## Try it
Within the entries below, the lines from the one with "#69=IFCINDEXEDPOLYGONALFACE((21,26,28,23));" through the one with "#81=IFCINDEXEDPOLYGONALFACE((47,49,50,48));" are to be set down exactly, both ends kept.

## Data under study
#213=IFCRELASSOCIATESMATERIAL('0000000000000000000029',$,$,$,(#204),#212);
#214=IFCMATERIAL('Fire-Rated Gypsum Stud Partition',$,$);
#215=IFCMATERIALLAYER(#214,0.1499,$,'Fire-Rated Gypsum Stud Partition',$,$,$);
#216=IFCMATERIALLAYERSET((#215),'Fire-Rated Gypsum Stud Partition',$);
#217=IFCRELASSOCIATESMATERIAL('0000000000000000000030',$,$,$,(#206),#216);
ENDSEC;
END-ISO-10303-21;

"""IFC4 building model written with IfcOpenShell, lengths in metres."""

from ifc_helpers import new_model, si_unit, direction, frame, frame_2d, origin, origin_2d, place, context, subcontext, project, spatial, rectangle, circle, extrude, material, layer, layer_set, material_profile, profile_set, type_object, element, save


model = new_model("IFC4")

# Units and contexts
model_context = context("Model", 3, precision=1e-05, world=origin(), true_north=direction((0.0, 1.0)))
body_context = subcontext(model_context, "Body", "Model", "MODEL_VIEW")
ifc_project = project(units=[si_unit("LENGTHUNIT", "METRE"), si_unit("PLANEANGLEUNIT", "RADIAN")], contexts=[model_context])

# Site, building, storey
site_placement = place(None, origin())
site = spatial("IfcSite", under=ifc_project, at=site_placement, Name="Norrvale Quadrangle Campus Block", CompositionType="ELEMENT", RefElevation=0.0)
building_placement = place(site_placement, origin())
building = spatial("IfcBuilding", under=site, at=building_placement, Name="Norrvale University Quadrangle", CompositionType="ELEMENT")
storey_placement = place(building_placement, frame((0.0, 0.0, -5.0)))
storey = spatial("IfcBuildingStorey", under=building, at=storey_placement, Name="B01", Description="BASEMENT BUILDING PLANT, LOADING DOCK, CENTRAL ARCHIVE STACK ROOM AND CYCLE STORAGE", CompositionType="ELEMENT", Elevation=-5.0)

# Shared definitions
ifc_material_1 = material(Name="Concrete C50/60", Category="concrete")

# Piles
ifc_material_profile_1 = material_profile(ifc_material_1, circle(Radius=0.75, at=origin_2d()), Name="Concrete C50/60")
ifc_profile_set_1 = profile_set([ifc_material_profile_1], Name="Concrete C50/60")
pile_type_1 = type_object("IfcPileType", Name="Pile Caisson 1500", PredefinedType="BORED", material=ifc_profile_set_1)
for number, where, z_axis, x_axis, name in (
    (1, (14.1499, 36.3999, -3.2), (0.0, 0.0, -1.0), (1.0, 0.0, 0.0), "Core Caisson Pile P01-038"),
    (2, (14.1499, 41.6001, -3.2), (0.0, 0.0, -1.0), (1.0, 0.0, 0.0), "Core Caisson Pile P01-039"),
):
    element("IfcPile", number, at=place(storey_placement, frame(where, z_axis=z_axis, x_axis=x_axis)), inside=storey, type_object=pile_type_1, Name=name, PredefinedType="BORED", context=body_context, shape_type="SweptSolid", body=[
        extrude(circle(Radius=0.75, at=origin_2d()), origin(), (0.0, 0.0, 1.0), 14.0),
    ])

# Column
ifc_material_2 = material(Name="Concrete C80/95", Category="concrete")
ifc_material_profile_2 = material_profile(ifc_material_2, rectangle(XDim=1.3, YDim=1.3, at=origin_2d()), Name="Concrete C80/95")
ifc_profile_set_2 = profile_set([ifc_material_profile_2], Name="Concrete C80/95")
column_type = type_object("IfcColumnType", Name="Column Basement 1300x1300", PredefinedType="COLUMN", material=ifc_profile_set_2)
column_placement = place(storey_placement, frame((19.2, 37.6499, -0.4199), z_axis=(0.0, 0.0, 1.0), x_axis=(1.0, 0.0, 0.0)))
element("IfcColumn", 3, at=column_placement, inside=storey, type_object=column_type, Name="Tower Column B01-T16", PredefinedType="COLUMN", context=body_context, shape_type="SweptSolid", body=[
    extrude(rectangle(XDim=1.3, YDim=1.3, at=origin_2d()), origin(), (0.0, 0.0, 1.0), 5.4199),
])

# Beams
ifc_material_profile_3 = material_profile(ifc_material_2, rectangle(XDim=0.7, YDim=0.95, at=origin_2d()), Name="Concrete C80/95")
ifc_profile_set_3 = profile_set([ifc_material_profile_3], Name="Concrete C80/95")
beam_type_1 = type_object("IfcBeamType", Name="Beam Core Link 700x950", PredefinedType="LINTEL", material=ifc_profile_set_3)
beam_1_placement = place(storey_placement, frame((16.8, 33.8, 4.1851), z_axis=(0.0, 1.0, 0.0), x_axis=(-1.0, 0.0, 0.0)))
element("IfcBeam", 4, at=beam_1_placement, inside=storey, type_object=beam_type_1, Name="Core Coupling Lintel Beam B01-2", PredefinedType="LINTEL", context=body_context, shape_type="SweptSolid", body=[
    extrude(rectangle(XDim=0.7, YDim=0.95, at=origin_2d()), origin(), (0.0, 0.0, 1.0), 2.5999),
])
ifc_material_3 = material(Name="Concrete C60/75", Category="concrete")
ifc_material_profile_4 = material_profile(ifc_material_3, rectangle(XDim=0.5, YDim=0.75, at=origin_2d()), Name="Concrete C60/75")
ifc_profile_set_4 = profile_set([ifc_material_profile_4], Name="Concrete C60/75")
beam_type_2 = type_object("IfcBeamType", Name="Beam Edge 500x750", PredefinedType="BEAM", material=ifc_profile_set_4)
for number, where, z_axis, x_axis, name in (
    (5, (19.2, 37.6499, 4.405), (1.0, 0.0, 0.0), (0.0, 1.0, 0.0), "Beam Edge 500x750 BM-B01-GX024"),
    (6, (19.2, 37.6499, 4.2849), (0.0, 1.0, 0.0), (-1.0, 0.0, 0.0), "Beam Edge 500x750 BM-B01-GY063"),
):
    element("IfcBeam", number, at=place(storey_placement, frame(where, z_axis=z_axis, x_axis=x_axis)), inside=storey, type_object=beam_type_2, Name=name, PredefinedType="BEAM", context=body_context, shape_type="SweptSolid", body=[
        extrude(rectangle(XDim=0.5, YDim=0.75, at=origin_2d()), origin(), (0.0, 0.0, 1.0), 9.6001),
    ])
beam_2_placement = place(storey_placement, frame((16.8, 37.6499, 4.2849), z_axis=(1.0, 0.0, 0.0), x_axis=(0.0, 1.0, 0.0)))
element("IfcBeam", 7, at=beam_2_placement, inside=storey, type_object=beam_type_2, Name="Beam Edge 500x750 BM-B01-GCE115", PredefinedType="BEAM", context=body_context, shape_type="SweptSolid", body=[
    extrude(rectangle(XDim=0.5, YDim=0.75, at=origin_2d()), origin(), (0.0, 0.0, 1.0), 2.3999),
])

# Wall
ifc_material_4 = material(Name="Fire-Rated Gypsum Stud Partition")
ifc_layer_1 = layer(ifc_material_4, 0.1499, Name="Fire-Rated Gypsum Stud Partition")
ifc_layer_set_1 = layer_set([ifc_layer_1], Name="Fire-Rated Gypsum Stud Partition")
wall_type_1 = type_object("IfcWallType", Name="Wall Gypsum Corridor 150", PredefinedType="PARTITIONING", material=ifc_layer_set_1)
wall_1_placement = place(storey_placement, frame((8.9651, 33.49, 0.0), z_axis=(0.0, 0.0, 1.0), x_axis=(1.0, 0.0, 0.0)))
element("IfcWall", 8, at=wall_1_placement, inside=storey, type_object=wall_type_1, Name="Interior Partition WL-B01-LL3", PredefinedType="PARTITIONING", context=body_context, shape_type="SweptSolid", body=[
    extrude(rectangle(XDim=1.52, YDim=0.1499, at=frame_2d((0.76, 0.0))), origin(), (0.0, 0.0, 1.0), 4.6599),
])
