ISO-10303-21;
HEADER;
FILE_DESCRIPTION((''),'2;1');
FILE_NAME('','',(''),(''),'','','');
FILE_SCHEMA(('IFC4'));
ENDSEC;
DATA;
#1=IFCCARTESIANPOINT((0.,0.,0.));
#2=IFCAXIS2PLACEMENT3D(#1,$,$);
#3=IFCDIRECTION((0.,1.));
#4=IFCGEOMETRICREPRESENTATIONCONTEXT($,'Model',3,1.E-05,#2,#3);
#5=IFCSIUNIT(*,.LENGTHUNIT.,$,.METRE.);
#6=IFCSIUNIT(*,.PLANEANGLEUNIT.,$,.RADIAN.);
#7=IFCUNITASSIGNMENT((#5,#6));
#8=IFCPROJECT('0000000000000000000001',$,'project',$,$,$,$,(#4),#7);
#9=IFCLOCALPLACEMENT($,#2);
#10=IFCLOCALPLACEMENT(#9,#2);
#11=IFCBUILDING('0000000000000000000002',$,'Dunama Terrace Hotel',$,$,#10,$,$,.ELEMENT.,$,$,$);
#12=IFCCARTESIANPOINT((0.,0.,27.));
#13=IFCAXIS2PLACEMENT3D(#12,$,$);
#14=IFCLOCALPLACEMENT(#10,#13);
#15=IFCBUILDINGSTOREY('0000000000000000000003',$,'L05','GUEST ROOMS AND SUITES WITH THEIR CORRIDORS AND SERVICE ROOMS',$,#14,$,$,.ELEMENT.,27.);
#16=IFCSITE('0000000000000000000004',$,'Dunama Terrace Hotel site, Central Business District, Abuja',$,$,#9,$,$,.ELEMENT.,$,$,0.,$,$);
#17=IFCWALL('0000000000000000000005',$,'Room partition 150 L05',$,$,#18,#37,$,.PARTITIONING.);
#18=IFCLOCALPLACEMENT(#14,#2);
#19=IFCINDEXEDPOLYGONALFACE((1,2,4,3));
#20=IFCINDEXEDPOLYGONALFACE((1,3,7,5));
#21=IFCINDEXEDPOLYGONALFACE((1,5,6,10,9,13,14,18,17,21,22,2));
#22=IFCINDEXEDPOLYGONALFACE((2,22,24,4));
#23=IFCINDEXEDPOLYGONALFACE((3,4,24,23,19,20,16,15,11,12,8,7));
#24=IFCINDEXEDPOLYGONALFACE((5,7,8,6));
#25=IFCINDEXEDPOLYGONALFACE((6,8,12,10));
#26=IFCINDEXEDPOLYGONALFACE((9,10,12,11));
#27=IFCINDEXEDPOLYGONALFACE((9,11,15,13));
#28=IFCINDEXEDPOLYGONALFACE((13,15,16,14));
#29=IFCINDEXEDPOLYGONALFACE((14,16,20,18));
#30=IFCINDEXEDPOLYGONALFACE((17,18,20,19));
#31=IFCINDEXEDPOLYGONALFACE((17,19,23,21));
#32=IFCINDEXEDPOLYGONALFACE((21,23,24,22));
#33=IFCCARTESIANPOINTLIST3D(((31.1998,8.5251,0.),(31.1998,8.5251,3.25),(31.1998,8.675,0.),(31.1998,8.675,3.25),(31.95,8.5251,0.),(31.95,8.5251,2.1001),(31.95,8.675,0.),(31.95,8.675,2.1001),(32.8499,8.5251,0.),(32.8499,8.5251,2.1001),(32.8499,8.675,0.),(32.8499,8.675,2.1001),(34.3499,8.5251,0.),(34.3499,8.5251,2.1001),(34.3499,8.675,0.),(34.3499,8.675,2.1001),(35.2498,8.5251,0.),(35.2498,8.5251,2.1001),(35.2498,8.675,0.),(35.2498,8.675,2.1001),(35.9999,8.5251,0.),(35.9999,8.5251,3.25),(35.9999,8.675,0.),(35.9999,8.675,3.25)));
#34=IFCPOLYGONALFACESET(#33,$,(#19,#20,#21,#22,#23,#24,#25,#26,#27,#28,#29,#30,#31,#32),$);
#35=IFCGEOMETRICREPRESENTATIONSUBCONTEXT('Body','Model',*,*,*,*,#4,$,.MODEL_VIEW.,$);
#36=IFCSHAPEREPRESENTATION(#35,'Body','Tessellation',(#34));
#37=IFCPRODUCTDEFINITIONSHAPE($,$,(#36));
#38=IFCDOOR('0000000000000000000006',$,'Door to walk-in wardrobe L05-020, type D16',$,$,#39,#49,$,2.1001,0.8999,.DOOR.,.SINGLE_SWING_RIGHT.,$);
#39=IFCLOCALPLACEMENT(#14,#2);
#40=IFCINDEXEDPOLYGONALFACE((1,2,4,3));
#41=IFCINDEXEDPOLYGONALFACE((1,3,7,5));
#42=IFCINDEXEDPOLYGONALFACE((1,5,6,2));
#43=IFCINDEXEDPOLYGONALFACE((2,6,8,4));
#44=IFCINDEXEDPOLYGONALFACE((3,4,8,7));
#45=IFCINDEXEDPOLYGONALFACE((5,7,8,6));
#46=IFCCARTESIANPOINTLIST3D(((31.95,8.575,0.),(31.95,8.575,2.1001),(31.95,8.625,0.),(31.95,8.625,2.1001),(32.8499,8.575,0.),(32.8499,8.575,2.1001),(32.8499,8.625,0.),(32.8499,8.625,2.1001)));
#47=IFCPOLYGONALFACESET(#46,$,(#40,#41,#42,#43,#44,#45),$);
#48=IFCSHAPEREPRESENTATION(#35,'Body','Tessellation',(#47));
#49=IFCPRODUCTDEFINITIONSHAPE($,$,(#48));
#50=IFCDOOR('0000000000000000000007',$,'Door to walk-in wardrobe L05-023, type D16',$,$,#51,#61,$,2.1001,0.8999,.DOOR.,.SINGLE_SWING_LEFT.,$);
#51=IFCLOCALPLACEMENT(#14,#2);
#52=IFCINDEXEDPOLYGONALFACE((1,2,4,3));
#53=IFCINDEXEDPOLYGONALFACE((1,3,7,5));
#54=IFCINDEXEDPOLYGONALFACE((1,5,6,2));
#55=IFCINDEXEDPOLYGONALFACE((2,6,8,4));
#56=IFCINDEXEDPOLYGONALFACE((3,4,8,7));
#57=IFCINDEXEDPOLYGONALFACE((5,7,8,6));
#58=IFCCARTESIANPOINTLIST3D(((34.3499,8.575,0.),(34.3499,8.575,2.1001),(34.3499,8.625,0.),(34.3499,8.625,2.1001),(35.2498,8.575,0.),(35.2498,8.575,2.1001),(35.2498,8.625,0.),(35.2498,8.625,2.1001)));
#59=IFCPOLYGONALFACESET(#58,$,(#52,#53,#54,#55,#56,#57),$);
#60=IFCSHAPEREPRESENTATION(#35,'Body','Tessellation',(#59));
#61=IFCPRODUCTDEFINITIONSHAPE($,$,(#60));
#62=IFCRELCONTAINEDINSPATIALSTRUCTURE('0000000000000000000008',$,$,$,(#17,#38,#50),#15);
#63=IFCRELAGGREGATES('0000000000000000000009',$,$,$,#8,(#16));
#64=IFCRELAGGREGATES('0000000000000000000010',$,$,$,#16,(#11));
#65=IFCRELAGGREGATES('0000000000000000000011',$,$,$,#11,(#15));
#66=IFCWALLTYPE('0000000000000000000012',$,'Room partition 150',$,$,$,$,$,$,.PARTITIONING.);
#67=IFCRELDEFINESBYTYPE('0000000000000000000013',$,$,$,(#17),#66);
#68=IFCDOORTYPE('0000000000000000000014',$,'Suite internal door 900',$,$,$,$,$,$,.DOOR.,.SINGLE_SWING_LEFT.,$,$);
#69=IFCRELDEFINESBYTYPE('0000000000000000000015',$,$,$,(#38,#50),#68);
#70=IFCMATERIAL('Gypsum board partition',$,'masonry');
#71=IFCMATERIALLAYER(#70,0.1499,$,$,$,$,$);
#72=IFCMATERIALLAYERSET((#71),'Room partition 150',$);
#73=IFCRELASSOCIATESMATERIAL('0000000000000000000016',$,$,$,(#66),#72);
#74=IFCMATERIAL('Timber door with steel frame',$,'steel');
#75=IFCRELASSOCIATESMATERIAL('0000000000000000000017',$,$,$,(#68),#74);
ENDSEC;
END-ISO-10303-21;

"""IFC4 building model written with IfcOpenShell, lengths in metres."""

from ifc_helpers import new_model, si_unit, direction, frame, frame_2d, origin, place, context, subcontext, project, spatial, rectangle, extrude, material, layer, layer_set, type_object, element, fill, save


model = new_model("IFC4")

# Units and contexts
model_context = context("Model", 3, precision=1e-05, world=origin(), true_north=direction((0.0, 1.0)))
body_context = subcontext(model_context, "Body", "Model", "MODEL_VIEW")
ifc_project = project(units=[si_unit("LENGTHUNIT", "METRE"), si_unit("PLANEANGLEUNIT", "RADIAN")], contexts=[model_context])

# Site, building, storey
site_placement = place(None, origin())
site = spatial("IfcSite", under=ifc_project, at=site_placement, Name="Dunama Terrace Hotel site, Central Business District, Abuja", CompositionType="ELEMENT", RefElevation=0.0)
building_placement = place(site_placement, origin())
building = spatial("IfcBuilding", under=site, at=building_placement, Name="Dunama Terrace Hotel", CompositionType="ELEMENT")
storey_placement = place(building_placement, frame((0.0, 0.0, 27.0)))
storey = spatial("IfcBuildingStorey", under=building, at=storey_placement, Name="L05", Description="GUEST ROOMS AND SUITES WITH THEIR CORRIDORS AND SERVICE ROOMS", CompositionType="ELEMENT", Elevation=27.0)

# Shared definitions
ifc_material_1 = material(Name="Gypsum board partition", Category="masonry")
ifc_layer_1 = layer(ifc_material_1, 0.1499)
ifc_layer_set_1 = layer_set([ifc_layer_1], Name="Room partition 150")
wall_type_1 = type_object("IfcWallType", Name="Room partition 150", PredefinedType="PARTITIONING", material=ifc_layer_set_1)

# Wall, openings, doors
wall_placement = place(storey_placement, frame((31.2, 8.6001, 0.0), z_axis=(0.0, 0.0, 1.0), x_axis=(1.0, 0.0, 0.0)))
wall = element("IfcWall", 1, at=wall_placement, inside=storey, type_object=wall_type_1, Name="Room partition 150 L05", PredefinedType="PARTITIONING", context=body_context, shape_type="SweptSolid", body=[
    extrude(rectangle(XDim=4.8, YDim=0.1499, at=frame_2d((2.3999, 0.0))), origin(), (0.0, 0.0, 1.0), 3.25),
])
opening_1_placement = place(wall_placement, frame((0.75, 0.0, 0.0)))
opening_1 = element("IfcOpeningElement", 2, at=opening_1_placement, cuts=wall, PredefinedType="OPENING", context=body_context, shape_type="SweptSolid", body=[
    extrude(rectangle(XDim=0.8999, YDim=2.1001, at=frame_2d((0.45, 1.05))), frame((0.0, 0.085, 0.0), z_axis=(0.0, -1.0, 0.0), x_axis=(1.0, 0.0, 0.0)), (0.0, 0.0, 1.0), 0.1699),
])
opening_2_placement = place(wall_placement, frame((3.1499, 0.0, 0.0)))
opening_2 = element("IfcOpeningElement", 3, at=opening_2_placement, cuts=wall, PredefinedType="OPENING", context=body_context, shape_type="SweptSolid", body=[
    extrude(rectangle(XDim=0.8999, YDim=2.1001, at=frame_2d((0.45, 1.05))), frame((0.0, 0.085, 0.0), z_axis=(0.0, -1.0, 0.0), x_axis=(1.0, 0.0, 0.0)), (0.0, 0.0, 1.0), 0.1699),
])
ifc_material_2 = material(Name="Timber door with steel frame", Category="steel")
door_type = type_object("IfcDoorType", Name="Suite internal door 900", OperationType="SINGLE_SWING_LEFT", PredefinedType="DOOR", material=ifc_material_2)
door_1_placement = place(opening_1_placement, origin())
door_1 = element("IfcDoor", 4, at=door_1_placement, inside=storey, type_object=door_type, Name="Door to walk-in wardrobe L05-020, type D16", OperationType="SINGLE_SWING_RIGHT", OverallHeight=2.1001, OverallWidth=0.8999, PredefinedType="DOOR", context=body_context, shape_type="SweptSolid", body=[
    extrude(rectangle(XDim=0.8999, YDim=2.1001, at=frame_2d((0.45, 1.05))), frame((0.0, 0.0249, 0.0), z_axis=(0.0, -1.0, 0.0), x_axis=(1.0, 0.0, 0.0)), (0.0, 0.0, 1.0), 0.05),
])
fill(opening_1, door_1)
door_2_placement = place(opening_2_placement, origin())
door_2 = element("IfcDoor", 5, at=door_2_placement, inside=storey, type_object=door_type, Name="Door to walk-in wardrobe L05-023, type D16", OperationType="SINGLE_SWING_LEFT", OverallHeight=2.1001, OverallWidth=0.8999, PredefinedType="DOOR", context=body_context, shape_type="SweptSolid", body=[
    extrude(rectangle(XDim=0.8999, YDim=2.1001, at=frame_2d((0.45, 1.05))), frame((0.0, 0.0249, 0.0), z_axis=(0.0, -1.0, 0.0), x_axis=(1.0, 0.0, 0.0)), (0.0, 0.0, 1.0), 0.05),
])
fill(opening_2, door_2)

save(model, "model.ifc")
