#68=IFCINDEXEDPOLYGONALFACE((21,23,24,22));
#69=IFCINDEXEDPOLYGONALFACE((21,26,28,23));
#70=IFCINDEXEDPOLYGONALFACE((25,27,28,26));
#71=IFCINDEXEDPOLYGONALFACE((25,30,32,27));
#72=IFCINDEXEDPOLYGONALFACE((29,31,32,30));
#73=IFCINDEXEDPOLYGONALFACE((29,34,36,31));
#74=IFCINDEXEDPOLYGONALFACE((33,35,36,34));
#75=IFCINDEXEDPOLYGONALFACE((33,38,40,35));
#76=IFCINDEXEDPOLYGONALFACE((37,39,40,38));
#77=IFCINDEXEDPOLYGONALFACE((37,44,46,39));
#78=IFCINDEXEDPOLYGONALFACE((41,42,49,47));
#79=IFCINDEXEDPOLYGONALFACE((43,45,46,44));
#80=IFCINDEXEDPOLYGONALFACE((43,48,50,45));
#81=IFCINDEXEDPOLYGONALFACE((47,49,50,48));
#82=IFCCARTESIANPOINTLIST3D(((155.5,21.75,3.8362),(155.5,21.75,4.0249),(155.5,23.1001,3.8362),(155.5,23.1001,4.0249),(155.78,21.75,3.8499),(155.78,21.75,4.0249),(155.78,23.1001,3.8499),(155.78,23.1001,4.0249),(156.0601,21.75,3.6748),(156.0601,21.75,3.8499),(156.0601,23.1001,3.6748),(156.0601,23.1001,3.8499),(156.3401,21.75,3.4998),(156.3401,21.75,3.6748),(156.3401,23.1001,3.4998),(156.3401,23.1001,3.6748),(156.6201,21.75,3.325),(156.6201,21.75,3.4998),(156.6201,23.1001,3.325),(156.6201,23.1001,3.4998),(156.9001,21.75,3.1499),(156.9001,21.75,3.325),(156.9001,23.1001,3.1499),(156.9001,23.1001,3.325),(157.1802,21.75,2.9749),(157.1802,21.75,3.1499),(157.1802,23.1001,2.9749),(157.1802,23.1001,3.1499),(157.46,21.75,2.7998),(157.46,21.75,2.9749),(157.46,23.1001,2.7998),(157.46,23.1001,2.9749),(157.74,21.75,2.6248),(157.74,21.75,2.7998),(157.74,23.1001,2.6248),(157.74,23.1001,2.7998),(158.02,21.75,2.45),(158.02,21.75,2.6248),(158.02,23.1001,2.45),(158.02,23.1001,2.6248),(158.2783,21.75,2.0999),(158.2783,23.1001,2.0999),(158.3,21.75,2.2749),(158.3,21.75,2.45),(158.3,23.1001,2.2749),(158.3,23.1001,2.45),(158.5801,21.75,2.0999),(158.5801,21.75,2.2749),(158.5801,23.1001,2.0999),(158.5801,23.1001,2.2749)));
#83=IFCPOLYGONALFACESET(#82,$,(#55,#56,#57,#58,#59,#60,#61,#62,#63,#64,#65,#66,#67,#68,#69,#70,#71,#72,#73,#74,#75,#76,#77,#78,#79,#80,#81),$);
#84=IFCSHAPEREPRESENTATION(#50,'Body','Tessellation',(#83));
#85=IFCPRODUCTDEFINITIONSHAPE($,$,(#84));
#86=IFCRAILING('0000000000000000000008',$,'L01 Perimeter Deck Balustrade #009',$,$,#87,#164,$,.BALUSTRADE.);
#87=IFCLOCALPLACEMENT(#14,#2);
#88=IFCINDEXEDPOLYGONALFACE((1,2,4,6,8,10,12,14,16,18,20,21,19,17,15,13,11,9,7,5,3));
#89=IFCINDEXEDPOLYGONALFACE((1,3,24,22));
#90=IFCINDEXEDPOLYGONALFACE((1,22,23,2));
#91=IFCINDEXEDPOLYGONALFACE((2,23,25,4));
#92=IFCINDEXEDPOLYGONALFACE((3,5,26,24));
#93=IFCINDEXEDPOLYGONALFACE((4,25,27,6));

## Answer for this exercise
#69=IFCINDEXEDPOLYGONALFACE((21,26,28,23));
#70=IFCINDEXEDPOLYGONALFACE((25,27,28,26));
#71=IFCINDEXEDPOLYGONALFACE((25,30,32,27));
#72=IFCINDEXEDPOLYGONALFACE((29,31,32,30));
#73=IFCINDEXEDPOLYGONALFACE((29,34,36,31));
#74=IFCINDEXEDPOLYGONALFACE((33,35,36,34));
#75=IFCINDEXEDPOLYGONALFACE((33,38,40,35));
#76=IFCINDEXEDPOLYGONALFACE((37,39,40,38));
#77=IFCINDEXEDPOLYGONALFACE((37,44,46,39));
#78=IFCINDEXEDPOLYGONALFACE((41,42,49,47));
#79=IFCINDEXEDPOLYGONALFACE((43,45,46,44));
#80=IFCINDEXEDPOLYGONALFACE((43,48,50,45));
#81=IFCINDEXEDPOLYGONALFACE((47,49,50,48));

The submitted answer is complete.